> [About this exercise] The answer must consist only of the lines from the line with "#114=IFCCOVERING('0000000000000000000012',$,'Pier facing D/5" to the line with "#128=IFCINDEXEDPOLYGONALFACE((1,2,4,3));", both included, exactly as they stand below.

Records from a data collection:
• • • • •
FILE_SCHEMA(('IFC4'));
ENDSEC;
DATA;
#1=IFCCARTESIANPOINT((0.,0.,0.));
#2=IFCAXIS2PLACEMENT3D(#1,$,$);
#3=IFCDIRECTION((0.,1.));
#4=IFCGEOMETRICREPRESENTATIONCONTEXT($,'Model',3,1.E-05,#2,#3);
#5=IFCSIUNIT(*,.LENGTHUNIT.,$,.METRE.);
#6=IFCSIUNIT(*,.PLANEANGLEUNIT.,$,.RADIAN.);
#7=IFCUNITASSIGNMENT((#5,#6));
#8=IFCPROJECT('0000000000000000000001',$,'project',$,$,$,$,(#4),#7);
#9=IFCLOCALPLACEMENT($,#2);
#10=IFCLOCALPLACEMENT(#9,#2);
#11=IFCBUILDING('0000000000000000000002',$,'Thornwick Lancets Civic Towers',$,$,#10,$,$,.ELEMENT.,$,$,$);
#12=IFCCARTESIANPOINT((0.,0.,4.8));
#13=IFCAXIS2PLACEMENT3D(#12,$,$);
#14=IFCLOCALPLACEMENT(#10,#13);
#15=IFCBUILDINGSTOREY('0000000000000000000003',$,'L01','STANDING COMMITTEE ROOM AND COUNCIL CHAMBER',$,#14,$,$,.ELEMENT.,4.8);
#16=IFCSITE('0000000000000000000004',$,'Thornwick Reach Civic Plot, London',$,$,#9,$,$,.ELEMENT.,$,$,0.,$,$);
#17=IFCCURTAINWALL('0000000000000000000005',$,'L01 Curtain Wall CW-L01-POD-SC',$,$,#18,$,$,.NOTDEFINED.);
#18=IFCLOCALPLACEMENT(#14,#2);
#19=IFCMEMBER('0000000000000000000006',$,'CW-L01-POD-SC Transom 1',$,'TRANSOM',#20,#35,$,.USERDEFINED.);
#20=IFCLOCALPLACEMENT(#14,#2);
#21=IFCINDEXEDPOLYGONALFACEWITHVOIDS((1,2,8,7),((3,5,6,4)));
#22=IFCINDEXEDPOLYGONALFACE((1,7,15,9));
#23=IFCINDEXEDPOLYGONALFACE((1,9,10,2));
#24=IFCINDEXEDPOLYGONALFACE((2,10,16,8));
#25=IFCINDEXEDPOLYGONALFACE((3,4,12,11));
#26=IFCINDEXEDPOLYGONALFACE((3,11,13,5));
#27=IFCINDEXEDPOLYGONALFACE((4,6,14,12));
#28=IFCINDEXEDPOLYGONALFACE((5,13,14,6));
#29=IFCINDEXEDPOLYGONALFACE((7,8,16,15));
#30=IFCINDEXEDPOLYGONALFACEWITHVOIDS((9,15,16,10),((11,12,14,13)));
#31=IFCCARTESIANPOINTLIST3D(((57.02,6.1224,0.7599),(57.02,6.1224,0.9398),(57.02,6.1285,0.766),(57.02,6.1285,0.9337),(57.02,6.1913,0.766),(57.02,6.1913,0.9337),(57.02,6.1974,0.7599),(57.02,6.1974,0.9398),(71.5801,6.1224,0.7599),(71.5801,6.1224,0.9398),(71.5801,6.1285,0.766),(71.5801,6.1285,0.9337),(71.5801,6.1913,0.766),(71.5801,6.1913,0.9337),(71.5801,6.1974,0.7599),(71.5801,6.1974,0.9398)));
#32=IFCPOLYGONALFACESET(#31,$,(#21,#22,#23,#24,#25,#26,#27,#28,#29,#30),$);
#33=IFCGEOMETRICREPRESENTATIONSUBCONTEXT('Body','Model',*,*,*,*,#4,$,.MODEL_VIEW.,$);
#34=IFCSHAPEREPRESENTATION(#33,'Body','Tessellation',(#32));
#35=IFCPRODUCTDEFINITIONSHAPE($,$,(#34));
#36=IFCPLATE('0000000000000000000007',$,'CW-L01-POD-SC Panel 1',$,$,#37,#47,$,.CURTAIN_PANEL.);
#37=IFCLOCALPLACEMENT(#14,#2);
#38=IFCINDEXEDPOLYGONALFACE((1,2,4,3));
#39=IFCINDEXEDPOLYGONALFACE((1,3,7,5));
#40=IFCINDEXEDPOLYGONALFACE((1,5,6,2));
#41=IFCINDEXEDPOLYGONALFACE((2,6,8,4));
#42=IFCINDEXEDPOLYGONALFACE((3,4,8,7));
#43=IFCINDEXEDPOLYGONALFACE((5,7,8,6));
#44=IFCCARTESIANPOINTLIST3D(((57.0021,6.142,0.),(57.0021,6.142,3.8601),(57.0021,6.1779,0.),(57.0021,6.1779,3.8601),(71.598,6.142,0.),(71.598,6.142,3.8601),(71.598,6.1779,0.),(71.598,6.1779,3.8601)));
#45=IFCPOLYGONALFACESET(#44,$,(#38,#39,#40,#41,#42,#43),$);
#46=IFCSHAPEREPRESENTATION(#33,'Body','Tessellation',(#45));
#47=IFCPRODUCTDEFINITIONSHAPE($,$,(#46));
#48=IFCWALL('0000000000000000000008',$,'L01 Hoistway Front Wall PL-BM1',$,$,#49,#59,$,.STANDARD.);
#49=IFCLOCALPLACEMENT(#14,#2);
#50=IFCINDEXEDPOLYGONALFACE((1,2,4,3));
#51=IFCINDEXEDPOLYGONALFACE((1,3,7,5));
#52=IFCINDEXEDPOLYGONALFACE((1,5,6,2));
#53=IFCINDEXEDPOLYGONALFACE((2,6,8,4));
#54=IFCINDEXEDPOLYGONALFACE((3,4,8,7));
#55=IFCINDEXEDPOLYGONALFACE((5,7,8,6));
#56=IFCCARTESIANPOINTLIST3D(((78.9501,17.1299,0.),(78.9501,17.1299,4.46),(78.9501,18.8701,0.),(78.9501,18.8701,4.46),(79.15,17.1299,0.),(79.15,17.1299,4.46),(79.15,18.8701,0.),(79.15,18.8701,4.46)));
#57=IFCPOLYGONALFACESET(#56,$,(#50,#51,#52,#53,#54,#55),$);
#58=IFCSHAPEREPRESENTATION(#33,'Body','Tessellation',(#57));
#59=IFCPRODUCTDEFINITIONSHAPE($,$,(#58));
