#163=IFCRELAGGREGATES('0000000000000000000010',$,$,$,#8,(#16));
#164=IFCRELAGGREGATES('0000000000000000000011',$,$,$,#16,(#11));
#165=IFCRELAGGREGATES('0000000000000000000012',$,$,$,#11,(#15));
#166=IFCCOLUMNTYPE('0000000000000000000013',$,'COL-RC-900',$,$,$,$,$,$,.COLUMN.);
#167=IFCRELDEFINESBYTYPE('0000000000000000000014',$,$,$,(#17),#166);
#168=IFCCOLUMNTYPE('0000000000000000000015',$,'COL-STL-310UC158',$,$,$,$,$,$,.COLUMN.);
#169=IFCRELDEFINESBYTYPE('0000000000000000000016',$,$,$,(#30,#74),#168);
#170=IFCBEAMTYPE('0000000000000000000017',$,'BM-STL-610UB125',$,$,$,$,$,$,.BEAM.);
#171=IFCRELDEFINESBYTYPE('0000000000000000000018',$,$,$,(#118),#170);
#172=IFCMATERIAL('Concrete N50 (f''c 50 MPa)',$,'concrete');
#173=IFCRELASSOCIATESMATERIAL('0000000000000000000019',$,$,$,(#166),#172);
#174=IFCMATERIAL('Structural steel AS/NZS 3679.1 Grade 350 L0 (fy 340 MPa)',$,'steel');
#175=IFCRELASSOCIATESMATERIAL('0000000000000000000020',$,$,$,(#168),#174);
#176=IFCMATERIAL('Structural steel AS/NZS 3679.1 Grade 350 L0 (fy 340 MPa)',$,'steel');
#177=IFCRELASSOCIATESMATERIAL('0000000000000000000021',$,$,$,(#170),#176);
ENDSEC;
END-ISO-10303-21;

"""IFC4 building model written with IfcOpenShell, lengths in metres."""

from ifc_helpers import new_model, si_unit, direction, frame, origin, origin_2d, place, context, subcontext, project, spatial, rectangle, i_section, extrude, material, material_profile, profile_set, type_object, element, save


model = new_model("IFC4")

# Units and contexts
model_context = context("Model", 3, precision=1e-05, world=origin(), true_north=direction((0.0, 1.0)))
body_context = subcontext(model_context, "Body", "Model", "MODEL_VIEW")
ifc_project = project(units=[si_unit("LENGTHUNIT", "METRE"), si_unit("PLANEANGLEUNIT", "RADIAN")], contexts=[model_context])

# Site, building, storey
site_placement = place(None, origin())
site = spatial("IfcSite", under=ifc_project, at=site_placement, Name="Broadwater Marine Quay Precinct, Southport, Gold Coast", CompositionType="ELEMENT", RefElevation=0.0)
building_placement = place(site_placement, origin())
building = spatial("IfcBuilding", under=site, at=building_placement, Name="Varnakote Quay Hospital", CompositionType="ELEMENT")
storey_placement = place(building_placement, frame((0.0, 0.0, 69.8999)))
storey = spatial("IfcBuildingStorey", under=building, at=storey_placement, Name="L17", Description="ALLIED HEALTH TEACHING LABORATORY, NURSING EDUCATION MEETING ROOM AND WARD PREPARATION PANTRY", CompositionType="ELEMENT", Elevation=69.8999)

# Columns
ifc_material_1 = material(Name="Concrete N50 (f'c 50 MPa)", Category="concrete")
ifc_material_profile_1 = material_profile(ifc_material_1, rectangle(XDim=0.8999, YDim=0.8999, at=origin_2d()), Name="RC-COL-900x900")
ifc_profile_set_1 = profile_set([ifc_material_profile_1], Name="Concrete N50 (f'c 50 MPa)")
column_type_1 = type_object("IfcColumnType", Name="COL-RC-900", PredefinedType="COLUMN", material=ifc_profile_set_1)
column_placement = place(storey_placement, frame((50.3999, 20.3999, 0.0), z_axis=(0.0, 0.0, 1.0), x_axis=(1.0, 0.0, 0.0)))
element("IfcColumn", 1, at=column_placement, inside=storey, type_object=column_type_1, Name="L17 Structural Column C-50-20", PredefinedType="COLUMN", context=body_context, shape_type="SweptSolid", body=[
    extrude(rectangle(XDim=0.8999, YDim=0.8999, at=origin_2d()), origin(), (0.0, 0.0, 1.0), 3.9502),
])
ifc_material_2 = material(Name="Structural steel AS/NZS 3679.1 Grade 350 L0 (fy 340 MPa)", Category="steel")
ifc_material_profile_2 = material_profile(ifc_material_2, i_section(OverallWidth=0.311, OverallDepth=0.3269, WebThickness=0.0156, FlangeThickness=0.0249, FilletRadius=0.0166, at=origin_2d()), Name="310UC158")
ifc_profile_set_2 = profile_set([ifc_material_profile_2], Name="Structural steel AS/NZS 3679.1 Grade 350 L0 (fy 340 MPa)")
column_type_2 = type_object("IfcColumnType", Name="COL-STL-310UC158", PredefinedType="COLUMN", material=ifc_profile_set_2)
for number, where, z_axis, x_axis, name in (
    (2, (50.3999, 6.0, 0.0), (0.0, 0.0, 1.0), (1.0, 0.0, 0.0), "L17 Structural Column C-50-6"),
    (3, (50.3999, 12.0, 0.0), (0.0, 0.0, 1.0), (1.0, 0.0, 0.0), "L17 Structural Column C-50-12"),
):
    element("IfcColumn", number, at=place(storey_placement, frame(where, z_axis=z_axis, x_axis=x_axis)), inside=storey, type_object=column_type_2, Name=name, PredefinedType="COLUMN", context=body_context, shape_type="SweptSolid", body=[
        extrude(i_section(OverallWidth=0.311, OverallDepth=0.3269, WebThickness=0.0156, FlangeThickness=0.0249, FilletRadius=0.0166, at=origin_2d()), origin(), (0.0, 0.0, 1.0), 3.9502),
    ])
• • • • •
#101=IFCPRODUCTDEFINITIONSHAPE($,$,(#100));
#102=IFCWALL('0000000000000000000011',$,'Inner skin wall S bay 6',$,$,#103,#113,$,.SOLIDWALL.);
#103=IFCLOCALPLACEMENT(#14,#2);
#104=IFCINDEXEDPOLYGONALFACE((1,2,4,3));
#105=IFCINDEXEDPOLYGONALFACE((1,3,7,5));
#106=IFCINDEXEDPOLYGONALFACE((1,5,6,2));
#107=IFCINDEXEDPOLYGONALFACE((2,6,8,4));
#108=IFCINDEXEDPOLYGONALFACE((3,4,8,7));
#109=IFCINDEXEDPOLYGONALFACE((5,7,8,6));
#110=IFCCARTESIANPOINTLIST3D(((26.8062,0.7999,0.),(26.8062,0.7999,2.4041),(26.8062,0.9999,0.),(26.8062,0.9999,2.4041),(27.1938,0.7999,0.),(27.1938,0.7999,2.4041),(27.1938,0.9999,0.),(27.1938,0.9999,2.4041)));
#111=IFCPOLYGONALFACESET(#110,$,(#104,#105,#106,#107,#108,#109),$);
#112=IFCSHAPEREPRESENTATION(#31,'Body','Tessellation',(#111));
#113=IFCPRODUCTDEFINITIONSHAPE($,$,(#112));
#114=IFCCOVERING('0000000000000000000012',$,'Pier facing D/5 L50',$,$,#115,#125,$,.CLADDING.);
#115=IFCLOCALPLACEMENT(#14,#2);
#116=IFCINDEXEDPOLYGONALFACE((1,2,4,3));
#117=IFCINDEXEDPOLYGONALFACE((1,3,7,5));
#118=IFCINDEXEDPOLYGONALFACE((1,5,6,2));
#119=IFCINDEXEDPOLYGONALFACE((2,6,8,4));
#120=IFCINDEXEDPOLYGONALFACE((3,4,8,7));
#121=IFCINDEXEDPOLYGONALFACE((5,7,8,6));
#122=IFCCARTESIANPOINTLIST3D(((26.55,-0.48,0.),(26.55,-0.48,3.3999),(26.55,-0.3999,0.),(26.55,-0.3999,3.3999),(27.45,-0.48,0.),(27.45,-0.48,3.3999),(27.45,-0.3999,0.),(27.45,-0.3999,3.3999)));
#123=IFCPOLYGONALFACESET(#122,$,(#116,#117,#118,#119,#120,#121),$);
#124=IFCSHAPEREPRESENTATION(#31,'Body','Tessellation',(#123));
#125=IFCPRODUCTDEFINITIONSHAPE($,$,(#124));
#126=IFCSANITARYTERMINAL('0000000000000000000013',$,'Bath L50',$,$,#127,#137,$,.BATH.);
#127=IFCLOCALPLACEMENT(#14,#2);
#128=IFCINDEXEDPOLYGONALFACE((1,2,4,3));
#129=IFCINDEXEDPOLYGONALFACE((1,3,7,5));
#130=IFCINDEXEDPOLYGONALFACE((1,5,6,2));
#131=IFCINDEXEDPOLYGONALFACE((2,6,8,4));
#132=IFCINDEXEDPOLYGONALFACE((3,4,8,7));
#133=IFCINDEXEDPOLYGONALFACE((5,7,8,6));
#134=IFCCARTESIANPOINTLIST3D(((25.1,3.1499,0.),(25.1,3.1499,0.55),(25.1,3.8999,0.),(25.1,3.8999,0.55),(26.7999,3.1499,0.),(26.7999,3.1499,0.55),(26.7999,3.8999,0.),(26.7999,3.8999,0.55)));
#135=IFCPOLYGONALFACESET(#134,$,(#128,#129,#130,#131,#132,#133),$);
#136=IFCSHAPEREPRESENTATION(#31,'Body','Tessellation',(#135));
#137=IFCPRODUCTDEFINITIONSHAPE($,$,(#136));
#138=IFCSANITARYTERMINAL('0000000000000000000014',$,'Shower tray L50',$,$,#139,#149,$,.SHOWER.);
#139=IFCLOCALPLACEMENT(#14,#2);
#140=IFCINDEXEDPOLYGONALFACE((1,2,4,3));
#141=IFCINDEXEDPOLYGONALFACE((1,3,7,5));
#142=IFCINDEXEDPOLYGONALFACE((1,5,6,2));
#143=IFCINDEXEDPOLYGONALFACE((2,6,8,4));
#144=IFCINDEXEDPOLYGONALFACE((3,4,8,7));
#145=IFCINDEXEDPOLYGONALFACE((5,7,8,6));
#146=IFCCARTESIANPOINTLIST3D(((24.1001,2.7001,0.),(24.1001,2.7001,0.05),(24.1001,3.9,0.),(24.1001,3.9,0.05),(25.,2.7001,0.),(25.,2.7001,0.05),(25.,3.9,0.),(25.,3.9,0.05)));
• • • • •
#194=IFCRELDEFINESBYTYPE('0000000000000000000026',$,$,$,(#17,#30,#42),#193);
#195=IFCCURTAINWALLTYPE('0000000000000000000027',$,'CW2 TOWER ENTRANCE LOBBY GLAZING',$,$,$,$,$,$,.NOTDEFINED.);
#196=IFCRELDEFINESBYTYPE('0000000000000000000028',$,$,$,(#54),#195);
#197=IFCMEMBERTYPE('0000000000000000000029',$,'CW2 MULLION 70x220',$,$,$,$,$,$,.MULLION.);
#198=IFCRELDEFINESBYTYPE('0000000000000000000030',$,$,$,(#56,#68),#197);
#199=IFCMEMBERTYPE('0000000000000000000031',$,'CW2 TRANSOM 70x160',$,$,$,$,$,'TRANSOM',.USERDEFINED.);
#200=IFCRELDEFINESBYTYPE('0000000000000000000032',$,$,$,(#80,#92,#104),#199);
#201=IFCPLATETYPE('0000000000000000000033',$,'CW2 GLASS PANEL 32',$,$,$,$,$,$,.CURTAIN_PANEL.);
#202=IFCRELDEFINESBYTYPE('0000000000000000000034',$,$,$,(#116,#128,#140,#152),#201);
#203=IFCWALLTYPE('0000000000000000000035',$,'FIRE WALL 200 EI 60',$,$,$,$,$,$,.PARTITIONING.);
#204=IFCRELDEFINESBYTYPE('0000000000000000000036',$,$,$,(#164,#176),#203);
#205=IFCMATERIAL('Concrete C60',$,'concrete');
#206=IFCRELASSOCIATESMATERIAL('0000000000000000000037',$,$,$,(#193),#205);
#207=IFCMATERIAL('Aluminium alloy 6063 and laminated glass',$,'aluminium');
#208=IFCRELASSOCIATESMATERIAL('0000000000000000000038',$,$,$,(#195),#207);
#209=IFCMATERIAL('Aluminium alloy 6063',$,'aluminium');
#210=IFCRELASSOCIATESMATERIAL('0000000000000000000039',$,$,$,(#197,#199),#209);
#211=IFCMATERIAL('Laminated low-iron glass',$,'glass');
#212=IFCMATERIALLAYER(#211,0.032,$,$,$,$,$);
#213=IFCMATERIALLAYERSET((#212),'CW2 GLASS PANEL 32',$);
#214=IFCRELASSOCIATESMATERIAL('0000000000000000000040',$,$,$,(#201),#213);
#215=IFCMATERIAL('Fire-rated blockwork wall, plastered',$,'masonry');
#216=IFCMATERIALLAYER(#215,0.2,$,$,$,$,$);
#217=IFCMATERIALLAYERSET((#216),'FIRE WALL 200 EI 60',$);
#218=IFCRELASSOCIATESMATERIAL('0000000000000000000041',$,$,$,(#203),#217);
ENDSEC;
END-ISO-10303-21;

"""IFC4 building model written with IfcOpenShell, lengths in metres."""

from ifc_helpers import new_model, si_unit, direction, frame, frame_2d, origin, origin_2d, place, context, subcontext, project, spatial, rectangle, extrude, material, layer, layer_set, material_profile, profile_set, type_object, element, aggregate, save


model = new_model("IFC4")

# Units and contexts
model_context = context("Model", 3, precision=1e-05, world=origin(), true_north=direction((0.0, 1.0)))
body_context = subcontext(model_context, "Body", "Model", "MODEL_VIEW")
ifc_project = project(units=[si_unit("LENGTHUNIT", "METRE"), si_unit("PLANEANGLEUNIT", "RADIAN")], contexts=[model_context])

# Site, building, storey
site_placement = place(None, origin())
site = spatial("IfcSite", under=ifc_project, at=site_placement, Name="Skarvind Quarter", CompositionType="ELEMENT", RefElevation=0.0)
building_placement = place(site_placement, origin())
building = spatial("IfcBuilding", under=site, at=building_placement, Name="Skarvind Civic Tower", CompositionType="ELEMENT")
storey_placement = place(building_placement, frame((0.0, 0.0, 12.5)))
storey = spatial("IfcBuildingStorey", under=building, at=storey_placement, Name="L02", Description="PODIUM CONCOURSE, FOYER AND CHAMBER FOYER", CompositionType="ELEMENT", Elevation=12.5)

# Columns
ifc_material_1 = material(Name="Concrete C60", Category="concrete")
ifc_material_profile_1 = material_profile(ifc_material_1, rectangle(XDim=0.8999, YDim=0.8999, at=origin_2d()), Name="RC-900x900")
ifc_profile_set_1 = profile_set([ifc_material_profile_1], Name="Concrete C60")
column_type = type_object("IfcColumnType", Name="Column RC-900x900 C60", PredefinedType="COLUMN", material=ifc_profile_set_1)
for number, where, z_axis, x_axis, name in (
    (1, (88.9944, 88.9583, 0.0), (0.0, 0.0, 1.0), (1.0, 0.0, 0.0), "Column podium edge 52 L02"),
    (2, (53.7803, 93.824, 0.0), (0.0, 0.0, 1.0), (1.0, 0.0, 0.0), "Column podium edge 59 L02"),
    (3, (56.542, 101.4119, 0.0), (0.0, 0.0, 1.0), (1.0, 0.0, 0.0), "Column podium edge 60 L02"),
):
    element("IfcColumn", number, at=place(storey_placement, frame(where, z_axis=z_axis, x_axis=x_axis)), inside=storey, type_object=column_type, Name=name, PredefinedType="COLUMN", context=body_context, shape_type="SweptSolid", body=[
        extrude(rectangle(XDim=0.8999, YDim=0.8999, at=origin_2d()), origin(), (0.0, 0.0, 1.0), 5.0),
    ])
• • • • •
> [Output]
#114=IFCCOVERING('0000000000000000000012',$,'Pier facing D/5 L50',$,$,#115,#125,$,.CLADDING.);
#115=IFCLOCALPLACEMENT(#14,#2);
#116=IFCINDEXEDPOLYGONALFACE((1,2,4,3));
#117=IFCINDEXEDPOLYGONALFACE((1,3,7,5));
#118=IFCINDEXEDPOLYGONALFACE((1,5,6,2));
#119=IFCINDEXEDPOLYGONALFACE((2,6,8,4));
#120=IFCINDEXEDPOLYGONALFACE((3,4,8,7));
#121=IFCINDEXEDPOLYGONALFACE((5,7,8,6));
#122=IFCCARTESIANPOINTLIST3D(((26.55,-0.48,0.),(26.55,-0.48,3.3999),(26.55,-0.3999,0.),(26.55,-0.3999,3.3999),(27.45,-0.48,0.),(27.45,-0.48,3.3999),(27.45,-0.3999,0.),(27.45,-0.3999,3.3999)));
#123=IFCPOLYGONALFACESET(#122,$,(#116,#117,#118,#119,#120,#121),$);
#124=IFCSHAPEREPRESENTATION(#31,'Body','Tessellation',(#123));
#125=IFCPRODUCTDEFINITIONSHAPE($,$,(#124));
#126=IFCSANITARYTERMINAL('0000000000000000000013',$,'Bath L50',$,$,#127,#137,$,.BATH.);
#127=IFCLOCALPLACEMENT(#14,#2);
#128=IFCINDEXEDPOLYGONALFACE((1,2,4,3));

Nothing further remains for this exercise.